ABOUT THIS TASK:
Write out again only the lines that run from the start of the entries to the line containing "#101=IFCINDEXEDPOLYGONALFACE((69,71,72,70));", both included.

BEGIN EXTRACTED DATA

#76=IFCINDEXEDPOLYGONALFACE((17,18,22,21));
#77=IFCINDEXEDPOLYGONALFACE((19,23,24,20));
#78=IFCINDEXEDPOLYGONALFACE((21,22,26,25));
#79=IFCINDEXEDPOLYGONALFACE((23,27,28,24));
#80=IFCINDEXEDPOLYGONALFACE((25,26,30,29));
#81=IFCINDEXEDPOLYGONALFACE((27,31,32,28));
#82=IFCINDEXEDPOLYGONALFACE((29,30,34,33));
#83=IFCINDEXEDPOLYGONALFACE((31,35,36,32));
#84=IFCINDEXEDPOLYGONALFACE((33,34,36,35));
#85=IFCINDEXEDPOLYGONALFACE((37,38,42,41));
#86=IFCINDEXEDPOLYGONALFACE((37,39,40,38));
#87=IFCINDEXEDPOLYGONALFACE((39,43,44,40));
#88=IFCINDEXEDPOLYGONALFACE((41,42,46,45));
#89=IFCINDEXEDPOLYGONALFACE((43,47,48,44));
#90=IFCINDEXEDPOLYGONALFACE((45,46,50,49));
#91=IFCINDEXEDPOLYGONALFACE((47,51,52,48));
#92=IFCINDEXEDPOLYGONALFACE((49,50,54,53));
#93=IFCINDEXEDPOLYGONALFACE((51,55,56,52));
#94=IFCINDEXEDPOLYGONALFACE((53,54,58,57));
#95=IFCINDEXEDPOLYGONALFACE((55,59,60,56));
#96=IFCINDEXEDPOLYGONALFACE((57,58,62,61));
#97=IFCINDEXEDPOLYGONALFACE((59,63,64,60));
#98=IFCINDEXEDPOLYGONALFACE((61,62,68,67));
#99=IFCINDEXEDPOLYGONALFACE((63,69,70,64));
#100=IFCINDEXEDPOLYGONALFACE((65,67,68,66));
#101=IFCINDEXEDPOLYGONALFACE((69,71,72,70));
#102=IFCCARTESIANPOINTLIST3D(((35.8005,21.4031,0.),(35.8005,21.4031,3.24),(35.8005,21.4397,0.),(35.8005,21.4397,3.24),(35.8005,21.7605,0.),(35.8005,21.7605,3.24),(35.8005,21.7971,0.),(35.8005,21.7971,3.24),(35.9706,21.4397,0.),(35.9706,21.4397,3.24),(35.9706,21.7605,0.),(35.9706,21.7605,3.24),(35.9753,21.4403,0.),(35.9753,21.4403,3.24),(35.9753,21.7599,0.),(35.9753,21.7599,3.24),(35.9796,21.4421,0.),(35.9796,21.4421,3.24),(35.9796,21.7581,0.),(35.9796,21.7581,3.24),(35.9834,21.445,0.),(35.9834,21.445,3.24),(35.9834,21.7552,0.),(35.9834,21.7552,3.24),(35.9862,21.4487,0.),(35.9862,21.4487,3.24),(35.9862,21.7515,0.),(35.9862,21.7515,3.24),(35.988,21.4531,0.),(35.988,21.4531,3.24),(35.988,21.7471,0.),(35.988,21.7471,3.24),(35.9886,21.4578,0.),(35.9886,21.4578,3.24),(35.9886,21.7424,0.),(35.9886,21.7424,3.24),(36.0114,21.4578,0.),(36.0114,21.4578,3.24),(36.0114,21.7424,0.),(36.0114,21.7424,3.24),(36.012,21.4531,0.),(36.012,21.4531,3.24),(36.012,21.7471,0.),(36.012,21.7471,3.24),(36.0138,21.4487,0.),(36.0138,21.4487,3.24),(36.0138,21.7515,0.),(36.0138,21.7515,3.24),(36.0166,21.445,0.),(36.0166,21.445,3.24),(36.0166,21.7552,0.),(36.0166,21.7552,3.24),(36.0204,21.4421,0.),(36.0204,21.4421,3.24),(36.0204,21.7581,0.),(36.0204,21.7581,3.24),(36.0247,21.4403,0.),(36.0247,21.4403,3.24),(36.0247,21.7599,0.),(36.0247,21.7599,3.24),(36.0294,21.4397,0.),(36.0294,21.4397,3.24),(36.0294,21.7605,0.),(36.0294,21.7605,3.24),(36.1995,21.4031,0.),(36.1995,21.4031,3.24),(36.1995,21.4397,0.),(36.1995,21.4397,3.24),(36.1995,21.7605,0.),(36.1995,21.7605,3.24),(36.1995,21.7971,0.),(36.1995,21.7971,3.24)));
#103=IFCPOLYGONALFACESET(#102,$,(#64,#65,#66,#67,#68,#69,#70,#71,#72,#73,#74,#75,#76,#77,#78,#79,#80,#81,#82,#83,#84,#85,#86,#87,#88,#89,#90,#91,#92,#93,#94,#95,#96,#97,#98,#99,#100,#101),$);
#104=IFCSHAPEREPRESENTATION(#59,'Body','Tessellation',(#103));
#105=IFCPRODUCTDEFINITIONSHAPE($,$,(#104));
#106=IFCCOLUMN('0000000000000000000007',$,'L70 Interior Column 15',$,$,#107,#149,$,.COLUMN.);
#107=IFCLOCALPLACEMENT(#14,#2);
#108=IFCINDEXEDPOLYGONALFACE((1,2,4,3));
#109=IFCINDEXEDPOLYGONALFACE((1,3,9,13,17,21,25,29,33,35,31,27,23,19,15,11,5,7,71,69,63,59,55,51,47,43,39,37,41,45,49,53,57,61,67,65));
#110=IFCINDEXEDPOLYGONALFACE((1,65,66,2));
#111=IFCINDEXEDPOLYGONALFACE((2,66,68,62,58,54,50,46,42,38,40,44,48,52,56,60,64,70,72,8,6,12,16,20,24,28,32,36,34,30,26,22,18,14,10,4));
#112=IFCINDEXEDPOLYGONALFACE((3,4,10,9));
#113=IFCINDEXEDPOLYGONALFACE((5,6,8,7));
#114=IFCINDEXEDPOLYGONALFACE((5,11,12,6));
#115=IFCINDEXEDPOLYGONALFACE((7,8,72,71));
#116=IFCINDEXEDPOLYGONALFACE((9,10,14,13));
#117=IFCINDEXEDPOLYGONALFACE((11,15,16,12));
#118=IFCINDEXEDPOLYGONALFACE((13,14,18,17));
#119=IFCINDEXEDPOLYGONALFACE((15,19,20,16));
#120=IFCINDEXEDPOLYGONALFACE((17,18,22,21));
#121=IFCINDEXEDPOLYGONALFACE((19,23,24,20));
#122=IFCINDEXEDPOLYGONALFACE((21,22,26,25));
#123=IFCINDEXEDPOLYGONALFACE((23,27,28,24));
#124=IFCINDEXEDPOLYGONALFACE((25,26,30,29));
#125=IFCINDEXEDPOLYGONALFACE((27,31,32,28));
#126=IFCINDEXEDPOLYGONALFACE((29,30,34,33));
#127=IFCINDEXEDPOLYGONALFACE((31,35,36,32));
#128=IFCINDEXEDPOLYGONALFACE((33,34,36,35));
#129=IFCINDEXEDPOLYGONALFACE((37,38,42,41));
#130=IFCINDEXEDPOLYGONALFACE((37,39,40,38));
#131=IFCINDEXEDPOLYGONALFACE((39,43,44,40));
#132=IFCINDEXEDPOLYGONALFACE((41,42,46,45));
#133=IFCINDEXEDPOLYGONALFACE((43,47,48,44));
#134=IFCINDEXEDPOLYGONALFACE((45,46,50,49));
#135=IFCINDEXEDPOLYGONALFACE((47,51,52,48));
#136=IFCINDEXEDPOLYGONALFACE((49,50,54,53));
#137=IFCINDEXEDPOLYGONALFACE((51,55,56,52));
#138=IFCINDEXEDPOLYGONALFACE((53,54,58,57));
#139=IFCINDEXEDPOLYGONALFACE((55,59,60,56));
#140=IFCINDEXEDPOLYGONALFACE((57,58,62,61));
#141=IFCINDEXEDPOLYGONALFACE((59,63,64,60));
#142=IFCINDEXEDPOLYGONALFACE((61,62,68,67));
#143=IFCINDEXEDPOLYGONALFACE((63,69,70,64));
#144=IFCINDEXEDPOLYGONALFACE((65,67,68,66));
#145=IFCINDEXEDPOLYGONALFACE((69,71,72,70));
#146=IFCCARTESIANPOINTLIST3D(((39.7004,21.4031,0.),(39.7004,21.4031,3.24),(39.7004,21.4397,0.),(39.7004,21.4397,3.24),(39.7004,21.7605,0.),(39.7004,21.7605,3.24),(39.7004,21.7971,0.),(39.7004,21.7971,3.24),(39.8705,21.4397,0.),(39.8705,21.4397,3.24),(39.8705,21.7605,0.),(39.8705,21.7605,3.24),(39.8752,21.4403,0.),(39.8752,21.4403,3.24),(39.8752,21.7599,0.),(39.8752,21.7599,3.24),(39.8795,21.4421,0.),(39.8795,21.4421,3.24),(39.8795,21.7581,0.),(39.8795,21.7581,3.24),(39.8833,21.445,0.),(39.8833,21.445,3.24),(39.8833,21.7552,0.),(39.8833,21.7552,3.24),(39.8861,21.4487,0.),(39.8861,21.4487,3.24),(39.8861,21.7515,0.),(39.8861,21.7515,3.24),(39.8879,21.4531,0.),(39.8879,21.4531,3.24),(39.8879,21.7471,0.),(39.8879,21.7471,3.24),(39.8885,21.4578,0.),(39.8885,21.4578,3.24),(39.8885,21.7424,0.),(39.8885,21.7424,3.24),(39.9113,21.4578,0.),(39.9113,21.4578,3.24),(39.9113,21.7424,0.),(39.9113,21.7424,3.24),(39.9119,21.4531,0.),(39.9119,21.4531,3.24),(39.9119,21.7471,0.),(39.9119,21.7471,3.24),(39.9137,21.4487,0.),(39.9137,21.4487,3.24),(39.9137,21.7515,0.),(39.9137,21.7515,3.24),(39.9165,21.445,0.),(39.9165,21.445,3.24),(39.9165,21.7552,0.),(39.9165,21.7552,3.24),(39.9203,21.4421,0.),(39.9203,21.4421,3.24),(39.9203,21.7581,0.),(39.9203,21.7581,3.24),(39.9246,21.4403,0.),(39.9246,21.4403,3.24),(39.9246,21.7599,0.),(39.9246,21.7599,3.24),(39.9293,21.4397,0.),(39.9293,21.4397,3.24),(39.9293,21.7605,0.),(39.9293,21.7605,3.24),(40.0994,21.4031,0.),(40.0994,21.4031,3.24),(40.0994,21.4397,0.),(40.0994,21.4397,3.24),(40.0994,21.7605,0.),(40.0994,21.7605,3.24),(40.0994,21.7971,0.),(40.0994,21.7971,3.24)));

END EXTRACTED DATA

TASK RESULT:
#76=IFCINDEXEDPOLYGONALFACE((17,18,22,21));
#77=IFCINDEXEDPOLYGONALFACE((19,23,24,20));
#78=IFCINDEXEDPOLYGONALFACE((21,22,26,25));
#79=IFCINDEXEDPOLYGONALFACE((23,27,28,24));
#80=IFCINDEXEDPOLYGONALFACE((25,26,30,29));
#81=IFCINDEXEDPOLYGONALFACE((27,31,32,28));
#82=IFCINDEXEDPOLYGONALFACE((29,30,34,33));
#83=IFCINDEXEDPOLYGONALFACE((31,35,36,32));
#84=IFCINDEXEDPOLYGONALFACE((33,34,36,35));
#85=IFCINDEXEDPOLYGONALFACE((37,38,42,41));
#86=IFCINDEXEDPOLYGONALFACE((37,39,40,38));
#87=IFCINDEXEDPOLYGONALFACE((39,43,44,40));
#88=IFCINDEXEDPOLYGONALFACE((41,42,46,45));
#89=IFCINDEXEDPOLYGONALFACE((43,47,48,44));
#90=IFCINDEXEDPOLYGONALFACE((45,46,50,49));
#91=IFCINDEXEDPOLYGONALFACE((47,51,52,48));
#92=IFCINDEXEDPOLYGONALFACE((49,50,54,53));
#93=IFCINDEXEDPOLYGONALFACE((51,55,56,52));
#94=IFCINDEXEDPOLYGONALFACE((53,54,58,57));
#95=IFCINDEXEDPOLYGONALFACE((55,59,60,56));
#96=IFCINDEXEDPOLYGONALFACE((57,58,62,61));
#97=IFCINDEXEDPOLYGONALFACE((59,63,64,60));
#98=IFCINDEXEDPOLYGONALFACE((61,62,68,67));
#99=IFCINDEXEDPOLYGONALFACE((63,69,70,64));
#100=IFCINDEXEDPOLYGONALFACE((65,67,68,66));
#101=IFCINDEXEDPOLYGONALFACE((69,71,72,70));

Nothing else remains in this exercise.